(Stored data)
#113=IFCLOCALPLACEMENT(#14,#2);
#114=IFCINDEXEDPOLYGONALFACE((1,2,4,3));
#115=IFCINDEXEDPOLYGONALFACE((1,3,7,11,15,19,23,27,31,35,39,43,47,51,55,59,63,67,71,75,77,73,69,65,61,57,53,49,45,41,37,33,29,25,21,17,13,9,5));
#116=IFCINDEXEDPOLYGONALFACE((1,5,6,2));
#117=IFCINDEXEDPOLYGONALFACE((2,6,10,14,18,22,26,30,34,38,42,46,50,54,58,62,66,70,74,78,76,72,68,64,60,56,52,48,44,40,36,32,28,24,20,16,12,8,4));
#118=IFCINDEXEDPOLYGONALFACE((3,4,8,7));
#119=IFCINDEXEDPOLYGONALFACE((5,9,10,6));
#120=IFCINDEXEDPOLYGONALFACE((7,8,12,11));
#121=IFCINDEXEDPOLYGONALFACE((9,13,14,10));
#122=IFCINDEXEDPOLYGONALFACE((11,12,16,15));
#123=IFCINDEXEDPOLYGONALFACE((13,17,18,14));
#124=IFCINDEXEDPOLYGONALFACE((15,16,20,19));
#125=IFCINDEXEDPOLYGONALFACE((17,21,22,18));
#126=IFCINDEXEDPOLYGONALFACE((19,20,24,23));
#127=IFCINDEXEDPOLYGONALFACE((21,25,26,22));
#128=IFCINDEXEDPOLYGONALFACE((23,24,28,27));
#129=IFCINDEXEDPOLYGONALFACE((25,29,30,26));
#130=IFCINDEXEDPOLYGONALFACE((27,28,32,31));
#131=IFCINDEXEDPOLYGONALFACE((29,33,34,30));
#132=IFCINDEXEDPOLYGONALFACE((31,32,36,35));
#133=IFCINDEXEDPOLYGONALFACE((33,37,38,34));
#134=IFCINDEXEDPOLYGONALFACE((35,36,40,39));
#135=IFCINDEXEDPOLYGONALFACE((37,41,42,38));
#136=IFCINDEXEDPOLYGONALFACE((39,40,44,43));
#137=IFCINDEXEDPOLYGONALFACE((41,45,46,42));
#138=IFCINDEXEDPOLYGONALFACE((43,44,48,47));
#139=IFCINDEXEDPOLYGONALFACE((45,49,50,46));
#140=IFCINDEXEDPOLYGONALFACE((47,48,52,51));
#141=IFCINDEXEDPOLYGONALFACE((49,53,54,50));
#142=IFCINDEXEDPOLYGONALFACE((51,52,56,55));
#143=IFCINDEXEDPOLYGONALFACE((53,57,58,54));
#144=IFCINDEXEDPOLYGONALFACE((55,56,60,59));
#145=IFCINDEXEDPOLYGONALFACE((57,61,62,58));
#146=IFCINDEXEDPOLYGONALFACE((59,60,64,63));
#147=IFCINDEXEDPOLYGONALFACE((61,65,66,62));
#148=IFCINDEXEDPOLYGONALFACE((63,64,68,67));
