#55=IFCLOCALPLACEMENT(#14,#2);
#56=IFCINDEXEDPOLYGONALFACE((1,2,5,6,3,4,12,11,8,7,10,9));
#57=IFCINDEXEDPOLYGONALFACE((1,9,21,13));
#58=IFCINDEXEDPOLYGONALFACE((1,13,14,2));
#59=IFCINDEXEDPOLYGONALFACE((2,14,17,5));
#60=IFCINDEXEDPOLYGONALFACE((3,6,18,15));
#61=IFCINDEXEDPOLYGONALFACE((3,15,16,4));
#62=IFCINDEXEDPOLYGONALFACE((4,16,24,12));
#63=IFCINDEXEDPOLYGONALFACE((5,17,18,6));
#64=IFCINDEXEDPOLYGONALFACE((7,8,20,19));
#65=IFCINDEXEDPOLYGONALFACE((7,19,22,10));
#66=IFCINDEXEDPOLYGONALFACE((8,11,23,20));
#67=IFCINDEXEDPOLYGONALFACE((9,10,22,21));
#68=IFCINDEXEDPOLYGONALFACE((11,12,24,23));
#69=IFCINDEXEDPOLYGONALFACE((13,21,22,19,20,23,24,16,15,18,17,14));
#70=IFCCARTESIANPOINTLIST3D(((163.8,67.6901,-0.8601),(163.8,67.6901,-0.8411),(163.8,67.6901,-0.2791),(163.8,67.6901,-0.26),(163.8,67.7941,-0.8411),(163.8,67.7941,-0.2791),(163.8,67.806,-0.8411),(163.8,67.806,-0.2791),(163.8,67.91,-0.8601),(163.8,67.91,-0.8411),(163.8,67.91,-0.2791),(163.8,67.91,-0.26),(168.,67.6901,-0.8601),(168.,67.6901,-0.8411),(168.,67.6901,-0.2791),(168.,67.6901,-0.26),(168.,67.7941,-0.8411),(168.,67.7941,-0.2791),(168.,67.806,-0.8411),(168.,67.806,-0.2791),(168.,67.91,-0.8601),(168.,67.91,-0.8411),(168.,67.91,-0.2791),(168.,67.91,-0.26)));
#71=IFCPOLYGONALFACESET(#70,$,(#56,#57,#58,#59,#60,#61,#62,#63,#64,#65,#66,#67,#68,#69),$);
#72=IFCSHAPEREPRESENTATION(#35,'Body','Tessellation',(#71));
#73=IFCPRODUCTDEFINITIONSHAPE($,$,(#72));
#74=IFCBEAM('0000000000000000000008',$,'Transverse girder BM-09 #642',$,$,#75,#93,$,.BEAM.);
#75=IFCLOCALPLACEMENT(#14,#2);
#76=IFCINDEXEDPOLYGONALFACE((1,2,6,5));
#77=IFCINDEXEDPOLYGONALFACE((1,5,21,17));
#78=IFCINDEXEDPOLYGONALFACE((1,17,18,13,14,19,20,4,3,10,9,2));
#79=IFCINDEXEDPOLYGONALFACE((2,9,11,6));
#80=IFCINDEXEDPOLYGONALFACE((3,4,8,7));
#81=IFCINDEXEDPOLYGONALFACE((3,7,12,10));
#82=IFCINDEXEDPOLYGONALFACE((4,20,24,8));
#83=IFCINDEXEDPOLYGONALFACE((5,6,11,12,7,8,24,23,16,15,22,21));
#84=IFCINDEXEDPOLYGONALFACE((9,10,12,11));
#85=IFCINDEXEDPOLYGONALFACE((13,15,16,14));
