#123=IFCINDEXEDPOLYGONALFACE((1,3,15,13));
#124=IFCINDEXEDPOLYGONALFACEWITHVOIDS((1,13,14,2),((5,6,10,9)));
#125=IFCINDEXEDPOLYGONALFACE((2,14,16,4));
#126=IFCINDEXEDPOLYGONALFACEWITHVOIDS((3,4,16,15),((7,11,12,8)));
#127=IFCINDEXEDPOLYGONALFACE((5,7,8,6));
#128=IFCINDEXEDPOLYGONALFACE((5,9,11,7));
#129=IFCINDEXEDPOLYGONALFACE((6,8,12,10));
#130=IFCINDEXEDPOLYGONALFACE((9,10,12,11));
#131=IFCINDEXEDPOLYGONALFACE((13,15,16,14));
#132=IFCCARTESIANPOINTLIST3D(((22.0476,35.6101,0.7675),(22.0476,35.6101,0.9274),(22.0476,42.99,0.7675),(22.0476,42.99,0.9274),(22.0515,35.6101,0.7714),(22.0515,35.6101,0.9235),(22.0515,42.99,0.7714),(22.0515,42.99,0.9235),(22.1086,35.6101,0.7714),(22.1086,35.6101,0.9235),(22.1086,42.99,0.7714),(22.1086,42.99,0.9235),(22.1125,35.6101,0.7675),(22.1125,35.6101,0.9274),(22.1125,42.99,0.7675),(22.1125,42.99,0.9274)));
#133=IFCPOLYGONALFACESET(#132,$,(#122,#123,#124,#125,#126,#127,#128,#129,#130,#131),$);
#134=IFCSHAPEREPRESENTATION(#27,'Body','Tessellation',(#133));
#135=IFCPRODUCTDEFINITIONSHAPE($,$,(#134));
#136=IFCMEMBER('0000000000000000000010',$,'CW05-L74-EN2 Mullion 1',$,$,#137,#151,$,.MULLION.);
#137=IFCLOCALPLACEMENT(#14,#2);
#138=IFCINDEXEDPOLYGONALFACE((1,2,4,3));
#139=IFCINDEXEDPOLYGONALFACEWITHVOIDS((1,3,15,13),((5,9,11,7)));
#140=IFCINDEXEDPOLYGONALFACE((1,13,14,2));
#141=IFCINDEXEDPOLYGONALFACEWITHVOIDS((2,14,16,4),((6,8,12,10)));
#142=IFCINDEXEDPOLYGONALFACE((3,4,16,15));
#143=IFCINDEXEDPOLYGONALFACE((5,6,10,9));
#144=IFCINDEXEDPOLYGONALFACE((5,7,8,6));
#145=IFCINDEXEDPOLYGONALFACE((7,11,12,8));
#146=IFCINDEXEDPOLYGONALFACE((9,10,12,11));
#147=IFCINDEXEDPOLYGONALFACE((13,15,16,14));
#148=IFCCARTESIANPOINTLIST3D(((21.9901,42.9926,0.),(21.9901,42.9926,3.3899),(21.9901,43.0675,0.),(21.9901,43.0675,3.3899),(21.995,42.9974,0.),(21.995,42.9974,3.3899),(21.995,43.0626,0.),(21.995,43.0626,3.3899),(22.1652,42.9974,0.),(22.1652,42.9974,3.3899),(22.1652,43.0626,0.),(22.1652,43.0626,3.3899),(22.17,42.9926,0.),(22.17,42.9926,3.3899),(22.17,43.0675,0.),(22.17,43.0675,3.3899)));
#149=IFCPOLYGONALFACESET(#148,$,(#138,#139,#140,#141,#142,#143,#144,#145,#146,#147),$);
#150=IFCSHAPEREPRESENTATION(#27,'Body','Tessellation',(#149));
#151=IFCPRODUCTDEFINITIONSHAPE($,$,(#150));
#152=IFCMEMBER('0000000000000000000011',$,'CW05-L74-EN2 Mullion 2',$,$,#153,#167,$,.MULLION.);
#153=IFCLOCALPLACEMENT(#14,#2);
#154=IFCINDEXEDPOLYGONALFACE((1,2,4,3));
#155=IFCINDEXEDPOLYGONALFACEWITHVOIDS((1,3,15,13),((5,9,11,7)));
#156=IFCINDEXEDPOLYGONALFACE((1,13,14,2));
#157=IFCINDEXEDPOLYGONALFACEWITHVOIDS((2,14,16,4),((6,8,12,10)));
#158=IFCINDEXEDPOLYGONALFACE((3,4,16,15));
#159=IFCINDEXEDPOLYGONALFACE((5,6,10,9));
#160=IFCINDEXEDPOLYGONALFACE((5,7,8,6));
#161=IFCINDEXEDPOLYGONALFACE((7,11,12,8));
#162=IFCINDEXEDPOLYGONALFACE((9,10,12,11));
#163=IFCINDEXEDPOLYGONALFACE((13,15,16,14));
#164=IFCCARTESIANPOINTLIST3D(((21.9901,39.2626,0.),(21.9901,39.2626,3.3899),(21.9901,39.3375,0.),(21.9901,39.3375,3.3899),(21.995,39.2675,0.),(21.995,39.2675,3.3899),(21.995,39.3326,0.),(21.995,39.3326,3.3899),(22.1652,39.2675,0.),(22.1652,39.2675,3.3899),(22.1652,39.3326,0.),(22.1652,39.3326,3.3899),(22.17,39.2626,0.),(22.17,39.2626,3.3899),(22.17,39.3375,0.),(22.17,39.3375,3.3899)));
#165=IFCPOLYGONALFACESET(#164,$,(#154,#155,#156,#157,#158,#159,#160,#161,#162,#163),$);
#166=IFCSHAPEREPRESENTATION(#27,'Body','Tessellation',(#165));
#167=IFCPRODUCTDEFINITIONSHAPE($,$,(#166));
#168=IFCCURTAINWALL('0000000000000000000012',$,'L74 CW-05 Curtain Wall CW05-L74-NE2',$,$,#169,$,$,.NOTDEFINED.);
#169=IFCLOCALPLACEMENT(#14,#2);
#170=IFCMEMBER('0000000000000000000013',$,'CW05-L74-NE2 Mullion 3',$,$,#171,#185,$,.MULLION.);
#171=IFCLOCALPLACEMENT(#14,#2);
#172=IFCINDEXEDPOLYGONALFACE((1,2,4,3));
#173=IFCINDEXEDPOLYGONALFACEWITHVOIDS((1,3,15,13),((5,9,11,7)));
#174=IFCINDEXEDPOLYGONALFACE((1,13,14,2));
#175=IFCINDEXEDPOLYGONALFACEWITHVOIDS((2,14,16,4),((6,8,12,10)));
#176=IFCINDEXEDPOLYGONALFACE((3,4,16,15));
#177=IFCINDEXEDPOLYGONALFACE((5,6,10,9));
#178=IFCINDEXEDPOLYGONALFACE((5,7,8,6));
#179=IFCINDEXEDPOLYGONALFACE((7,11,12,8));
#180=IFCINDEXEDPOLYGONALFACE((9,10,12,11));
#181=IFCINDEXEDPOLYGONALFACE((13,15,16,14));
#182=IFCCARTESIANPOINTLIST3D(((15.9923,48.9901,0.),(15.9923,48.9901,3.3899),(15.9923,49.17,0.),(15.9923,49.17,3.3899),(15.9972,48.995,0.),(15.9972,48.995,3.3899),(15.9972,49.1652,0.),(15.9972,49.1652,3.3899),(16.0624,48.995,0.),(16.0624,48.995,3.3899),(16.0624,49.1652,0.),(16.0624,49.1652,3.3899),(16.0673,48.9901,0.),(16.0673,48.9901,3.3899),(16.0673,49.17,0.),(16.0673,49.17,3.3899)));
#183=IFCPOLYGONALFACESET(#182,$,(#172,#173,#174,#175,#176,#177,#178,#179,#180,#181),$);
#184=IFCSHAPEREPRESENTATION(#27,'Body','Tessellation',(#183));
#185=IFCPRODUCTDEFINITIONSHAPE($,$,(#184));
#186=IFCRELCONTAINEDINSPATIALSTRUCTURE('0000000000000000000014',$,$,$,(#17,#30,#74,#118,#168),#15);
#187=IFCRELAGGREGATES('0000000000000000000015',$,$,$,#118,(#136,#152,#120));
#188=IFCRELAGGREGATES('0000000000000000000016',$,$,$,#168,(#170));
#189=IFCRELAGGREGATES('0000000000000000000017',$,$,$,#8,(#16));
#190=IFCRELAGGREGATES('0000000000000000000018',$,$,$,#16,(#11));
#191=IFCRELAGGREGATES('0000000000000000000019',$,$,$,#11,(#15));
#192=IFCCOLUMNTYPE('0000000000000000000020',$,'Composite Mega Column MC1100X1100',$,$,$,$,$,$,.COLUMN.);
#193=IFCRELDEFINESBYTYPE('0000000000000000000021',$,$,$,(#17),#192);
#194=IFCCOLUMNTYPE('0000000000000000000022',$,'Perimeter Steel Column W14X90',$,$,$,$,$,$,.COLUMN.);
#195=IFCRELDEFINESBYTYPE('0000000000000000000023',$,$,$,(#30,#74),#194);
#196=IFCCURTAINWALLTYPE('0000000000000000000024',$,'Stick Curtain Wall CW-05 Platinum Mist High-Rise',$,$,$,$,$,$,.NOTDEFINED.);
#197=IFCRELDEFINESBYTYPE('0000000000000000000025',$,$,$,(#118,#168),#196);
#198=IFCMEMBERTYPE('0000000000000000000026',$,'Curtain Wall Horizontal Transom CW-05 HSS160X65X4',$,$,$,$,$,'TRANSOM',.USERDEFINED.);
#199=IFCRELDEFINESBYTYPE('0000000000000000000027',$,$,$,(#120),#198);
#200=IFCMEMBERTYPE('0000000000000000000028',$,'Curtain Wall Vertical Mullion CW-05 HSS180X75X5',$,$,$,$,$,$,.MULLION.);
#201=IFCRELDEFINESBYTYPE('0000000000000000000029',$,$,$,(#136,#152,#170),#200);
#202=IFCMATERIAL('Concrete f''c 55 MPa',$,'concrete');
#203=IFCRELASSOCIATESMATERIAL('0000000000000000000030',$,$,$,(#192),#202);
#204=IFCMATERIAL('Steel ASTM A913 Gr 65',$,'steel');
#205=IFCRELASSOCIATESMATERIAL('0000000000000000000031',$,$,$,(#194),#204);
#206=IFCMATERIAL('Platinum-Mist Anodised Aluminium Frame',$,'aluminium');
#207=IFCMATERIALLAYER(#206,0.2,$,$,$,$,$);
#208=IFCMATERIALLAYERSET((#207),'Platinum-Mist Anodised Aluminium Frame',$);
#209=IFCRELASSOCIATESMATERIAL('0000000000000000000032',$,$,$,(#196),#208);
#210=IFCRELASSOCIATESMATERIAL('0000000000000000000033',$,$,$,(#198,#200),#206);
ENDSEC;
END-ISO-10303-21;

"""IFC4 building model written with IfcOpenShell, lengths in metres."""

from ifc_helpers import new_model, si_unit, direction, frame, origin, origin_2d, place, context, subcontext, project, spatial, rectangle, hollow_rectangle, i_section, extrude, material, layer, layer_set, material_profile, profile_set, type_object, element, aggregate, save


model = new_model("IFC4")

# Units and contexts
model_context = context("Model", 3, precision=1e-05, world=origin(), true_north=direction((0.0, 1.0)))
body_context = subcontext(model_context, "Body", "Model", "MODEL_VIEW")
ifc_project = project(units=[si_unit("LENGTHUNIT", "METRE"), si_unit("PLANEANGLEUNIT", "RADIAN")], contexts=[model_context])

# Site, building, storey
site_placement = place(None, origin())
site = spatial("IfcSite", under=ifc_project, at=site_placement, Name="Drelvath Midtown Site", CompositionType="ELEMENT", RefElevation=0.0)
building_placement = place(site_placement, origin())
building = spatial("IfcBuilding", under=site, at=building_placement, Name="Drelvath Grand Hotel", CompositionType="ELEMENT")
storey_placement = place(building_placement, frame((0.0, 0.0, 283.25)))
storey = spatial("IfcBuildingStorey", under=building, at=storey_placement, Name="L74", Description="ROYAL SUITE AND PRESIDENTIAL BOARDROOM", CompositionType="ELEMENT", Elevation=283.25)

- _Exercise aim_: Collect the lines of the records that include the string "CompositionType".

- _The completed task_:
site = spatial("IfcSite", under=ifc_project, at=site_placement, Name="Drelvath Midtown Site", CompositionType="ELEMENT", RefElevation=0.0)
building = spatial("IfcBuilding", under=site, at=building_placement, Name="Drelvath Grand Hotel", CompositionType="ELEMENT")
storey = spatial("IfcBuildingStorey", under=building, at=storey_placement, Name="L74", Description="ROYAL SUITE AND PRESIDENTIAL BOARDROOM", CompositionType="ELEMENT", Elevation=283.25)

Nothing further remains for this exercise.